◆ Dataset:
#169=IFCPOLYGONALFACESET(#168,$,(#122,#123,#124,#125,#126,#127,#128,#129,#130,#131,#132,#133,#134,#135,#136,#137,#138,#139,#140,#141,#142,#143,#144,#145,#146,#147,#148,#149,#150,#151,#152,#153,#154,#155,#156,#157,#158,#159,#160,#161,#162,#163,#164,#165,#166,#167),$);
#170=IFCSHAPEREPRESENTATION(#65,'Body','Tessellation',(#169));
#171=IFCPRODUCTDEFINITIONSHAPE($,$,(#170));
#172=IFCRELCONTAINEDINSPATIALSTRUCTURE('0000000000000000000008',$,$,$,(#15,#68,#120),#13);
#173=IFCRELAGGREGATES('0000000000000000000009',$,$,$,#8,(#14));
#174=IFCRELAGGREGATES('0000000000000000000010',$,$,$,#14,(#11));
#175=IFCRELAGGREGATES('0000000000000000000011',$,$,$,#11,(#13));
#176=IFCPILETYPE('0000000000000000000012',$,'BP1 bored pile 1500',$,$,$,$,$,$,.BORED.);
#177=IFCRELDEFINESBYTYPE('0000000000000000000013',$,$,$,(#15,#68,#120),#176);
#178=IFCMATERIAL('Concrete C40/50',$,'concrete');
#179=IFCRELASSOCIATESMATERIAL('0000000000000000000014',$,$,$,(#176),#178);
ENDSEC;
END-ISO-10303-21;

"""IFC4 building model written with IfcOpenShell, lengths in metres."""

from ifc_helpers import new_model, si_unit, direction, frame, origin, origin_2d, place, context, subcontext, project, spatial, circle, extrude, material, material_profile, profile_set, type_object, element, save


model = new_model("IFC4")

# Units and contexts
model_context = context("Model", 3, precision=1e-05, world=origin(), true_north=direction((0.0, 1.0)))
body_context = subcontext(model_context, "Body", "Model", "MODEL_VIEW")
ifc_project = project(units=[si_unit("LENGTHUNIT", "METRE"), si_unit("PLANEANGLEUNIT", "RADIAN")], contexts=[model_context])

◆ About this task:
The entries above must be output exactly, with every line preserved.

◆ Solution:
#169=IFCPOLYGONALFACESET(#168,$,(#122,#123,#124,#125,#126,#127,#128,#129,#130,#131,#132,#133,#134,#135,#136,#137,#138,#139,#140,#141,#142,#143,#144,#145,#146,#147,#148,#149,#150,#151,#152,#153,#154,#155,#156,#157,#158,#159,#160,#161,#162,#163,#164,#165,#166,#167),$);
#170=IFCSHAPEREPRESENTATION(#65,'Body','Tessellation',(#169));
#171=IFCPRODUCTDEFINITIONSHAPE($,$,(#170));
#172=IFCRELCONTAINEDINSPATIALSTRUCTURE('0000000000000000000008',$,$,$,(#15,#68,#120),#13);
#173=IFCRELAGGREGATES('0000000000000000000009',$,$,$,#8,(#14));
#174=IFCRELAGGREGATES('0000000000000000000010',$,$,$,#14,(#11));
#175=IFCRELAGGREGATES('0000000000000000000011',$,$,$,#11,(#13));
#176=IFCPILETYPE('0000000000000000000012',$,'BP1 bored pile 1500',$,$,$,$,$,$,.BORED.);
#177=IFCRELDEFINESBYTYPE('0000000000000000000013',$,$,$,(#15,#68,#120),#176);
#178=IFCMATERIAL('Concrete C40/50',$,'concrete');
#179=IFCRELASSOCIATESMATERIAL('0000000000000000000014',$,$,$,(#176),#178);
ENDSEC;
END-ISO-10303-21;

"""IFC4 building model written with IfcOpenShell, lengths in metres."""

from ifc_helpers import new_model, si_unit, direction, frame, origin, origin_2d, place, context, subcontext, project, spatial, circle, extrude, material, material_profile, profile_set, type_object, element, save


model = new_model("IFC4")

# Units and contexts
model_context = context("Model", 3, precision=1e-05, world=origin(), true_north=direction((0.0, 1.0)))
body_context = subcontext(model_context, "Body", "Model", "MODEL_VIEW")
ifc_project = project(units=[si_unit("LENGTHUNIT", "METRE"), si_unit("PLANEANGLEUNIT", "RADIAN")], contexts=[model_context])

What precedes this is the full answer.